(Extracted data entries)
=== Begin Enclosure ===
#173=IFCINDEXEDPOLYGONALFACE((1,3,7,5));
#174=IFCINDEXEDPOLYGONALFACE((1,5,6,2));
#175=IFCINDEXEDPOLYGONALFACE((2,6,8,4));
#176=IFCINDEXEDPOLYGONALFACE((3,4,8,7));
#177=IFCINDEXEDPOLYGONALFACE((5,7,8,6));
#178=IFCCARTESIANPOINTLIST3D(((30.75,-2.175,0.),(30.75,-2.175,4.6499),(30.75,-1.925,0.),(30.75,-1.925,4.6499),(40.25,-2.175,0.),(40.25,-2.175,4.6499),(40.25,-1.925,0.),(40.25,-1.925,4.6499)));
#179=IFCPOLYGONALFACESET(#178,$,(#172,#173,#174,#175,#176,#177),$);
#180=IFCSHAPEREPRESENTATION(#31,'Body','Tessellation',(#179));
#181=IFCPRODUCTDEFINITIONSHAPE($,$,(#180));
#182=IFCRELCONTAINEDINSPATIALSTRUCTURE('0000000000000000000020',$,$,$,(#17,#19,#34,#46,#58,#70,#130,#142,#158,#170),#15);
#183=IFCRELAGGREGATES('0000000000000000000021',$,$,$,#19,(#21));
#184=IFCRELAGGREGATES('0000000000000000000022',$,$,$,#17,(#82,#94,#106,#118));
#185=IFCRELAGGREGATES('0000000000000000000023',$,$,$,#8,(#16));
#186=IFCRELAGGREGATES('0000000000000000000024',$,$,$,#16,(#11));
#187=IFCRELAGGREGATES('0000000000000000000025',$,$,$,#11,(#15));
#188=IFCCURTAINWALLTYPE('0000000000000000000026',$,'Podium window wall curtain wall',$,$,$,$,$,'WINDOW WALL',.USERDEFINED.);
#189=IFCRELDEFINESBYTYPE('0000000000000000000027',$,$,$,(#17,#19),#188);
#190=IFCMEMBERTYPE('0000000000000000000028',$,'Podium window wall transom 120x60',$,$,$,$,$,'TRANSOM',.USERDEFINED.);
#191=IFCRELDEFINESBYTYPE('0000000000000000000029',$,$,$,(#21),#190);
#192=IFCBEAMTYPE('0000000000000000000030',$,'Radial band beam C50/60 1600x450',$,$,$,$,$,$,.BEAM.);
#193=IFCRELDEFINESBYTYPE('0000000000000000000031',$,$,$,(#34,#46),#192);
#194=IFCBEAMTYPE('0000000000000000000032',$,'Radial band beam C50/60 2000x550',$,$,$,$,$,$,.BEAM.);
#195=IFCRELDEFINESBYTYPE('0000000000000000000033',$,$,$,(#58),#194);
=== End Enclosure ===
[ASSIGNED TASK]:
Only lines with the word "IFCRELDEFINESBYTYPE" are wanted; pull each of them from the records.

[TASK RESPONSE]:
#189=IFCRELDEFINESBYTYPE('0000000000000000000027',$,$,$,(#17,#19),#188);
#191=IFCRELDEFINESBYTYPE('0000000000000000000029',$,$,$,(#21),#190);
#193=IFCRELDEFINESBYTYPE('0000000000000000000031',$,$,$,(#34,#46),#192);
#195=IFCRELDEFINESBYTYPE('0000000000000000000033',$,$,$,(#58),#194);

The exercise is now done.